> **Excerpted records**:
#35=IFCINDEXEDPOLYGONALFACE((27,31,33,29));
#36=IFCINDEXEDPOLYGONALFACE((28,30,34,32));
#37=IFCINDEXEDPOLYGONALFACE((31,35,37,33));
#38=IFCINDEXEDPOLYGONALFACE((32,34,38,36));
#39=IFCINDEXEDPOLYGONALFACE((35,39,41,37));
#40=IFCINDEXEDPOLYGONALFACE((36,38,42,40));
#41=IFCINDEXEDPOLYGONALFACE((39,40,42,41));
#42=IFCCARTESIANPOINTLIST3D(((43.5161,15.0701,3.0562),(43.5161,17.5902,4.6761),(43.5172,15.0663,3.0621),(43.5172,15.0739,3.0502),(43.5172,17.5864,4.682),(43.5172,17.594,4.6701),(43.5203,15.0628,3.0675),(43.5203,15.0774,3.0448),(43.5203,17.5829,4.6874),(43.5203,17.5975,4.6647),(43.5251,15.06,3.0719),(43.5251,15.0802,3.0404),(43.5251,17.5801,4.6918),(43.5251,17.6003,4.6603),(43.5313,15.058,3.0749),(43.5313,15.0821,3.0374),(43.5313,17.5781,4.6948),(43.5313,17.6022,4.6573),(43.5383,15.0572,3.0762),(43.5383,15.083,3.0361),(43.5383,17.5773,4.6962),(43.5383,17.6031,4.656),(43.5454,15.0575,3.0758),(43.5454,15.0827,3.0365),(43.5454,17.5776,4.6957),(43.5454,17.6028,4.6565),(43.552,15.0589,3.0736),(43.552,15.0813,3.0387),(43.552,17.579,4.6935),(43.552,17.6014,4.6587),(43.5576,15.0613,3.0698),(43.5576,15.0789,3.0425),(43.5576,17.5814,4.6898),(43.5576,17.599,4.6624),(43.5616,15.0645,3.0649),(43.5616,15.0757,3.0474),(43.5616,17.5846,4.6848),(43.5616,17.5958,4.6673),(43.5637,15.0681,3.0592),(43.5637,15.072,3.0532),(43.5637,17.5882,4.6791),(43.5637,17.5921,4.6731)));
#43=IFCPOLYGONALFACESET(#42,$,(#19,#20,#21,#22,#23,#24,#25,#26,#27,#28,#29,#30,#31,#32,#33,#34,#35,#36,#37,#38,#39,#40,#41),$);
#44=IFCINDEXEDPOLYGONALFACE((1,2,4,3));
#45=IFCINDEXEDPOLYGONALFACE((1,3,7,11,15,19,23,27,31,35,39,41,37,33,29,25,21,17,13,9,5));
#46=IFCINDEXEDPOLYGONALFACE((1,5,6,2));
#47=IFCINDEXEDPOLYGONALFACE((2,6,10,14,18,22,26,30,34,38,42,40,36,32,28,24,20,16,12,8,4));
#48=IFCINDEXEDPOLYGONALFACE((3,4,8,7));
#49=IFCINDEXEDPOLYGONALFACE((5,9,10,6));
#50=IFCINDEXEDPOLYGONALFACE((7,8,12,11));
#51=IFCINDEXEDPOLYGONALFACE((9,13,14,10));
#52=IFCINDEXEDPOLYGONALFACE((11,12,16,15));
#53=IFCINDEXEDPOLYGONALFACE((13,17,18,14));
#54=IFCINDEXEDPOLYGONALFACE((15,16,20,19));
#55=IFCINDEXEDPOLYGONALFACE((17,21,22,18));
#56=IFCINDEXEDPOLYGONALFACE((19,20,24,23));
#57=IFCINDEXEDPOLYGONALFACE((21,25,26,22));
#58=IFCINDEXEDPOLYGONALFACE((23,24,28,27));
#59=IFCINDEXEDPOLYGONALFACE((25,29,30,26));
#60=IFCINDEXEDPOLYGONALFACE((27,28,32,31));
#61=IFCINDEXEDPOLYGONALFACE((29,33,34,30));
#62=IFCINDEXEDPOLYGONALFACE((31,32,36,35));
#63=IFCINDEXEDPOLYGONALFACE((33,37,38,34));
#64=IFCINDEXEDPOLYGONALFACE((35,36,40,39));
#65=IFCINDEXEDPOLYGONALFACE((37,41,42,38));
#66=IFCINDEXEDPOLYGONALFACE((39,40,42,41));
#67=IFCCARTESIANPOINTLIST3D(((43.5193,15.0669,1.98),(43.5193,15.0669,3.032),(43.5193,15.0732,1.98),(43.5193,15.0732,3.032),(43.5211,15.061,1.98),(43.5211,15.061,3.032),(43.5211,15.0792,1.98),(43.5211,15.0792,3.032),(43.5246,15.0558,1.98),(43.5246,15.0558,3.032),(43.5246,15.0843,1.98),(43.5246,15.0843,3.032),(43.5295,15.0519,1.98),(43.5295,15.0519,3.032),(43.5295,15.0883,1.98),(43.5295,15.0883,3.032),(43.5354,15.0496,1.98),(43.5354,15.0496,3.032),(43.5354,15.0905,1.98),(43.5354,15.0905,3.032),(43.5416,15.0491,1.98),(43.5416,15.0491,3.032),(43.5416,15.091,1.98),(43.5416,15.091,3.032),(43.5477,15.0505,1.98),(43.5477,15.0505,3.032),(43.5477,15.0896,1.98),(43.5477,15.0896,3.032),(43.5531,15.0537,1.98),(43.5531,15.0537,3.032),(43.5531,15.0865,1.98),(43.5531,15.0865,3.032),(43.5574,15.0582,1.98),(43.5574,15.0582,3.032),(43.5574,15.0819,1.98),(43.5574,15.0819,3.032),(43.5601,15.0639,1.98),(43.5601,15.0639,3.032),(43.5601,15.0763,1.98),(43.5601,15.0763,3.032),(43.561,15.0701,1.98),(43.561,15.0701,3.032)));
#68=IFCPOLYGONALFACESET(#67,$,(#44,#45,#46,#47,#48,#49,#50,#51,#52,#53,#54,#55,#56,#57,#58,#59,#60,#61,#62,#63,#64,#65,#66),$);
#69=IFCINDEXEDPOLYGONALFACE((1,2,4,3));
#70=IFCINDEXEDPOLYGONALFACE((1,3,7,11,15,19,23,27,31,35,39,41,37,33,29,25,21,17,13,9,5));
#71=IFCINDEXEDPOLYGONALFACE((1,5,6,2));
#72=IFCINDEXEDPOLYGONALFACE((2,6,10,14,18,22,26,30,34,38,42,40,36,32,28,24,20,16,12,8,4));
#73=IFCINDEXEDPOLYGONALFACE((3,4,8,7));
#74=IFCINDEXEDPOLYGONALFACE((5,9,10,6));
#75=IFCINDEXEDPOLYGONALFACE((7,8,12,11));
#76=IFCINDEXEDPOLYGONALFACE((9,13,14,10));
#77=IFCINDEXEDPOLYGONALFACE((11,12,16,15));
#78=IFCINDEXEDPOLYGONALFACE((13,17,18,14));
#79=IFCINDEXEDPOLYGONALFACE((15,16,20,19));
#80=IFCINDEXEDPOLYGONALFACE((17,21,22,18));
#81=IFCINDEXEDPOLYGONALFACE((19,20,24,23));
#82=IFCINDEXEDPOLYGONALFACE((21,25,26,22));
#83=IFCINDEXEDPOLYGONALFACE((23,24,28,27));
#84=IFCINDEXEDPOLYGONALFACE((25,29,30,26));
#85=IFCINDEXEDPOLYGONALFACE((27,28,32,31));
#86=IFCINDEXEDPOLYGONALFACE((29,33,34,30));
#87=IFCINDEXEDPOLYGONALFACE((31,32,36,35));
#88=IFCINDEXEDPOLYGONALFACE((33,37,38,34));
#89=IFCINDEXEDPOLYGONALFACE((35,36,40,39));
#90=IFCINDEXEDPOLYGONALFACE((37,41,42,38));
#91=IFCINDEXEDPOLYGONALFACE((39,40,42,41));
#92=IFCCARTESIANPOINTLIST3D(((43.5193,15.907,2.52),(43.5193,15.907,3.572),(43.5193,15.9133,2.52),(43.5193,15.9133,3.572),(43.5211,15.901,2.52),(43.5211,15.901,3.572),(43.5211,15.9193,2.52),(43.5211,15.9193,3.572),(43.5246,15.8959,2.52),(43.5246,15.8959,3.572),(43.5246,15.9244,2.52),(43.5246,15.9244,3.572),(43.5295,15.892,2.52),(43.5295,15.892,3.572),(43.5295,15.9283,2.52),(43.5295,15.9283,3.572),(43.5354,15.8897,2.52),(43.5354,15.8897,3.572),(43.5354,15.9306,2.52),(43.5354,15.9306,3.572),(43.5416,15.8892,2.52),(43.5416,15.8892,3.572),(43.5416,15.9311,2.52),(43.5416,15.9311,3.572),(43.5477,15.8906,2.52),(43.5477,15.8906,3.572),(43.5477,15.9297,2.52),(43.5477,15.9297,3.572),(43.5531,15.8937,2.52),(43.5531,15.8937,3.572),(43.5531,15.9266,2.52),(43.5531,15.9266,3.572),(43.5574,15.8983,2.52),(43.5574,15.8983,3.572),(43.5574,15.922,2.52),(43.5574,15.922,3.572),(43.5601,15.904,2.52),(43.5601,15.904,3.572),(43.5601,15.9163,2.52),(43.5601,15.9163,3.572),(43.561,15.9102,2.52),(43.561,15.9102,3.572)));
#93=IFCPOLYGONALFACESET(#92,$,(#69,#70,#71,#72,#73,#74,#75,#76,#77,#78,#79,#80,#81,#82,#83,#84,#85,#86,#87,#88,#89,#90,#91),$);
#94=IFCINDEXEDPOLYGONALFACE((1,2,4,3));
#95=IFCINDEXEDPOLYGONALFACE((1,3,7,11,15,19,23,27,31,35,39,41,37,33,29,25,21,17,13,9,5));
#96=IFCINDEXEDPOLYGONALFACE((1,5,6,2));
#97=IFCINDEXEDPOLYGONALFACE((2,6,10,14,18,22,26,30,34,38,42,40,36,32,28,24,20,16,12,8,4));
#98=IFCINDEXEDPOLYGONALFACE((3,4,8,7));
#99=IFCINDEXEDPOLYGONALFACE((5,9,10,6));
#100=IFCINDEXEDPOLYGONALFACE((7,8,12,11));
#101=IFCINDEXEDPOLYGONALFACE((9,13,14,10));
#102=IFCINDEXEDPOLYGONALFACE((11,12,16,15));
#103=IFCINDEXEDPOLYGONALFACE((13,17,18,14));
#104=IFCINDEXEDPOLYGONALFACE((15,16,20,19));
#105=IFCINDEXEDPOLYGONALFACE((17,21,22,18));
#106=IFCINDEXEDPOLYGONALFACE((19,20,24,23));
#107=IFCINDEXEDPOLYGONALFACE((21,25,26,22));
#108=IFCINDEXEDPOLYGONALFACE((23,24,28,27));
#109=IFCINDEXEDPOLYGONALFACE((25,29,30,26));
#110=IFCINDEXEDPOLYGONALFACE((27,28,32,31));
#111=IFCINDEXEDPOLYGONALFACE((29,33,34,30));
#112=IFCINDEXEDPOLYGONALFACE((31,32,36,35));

> **Your instructions**: Since only part of the listing is wanted, copy exactly the lines from the one holding "#90=IFCINDEXEDPOLYGONALFACE((37,41,42,38));" to the one holding "#94=IFCINDEXEDPOLYGONALFACE((1,2,4,3));", both included.

> **Response for this exercise**:
#90=IFCINDEXEDPOLYGONALFACE((37,41,42,38));
#91=IFCINDEXEDPOLYGONALFACE((39,40,42,41));
#92=IFCCARTESIANPOINTLIST3D(((43.5193,15.907,2.52),(43.5193,15.907,3.572),(43.5193,15.9133,2.52),(43.5193,15.9133,3.572),(43.5211,15.901,2.52),(43.5211,15.901,3.572),(43.5211,15.9193,2.52),(43.5211,15.9193,3.572),(43.5246,15.8959,2.52),(43.5246,15.8959,3.572),(43.5246,15.9244,2.52),(43.5246,15.9244,3.572),(43.5295,15.892,2.52),(43.5295,15.892,3.572),(43.5295,15.9283,2.52),(43.5295,15.9283,3.572),(43.5354,15.8897,2.52),(43.5354,15.8897,3.572),(43.5354,15.9306,2.52),(43.5354,15.9306,3.572),(43.5416,15.8892,2.52),(43.5416,15.8892,3.572),(43.5416,15.9311,2.52),(43.5416,15.9311,3.572),(43.5477,15.8906,2.52),(43.5477,15.8906,3.572),(43.5477,15.9297,2.52),(43.5477,15.9297,3.572),(43.5531,15.8937,2.52),(43.5531,15.8937,3.572),(43.5531,15.9266,2.52),(43.5531,15.9266,3.572),(43.5574,15.8983,2.52),(43.5574,15.8983,3.572),(43.5574,15.922,2.52),(43.5574,15.922,3.572),(43.5601,15.904,2.52),(43.5601,15.904,3.572),(43.5601,15.9163,2.52),(43.5601,15.9163,3.572),(43.561,15.9102,2.52),(43.561,15.9102,3.572)));
#93=IFCPOLYGONALFACESET(#92,$,(#69,#70,#71,#72,#73,#74,#75,#76,#77,#78,#79,#80,#81,#82,#83,#84,#85,#86,#87,#88,#89,#90,#91),$);
#94=IFCINDEXEDPOLYGONALFACE((1,2,4,3));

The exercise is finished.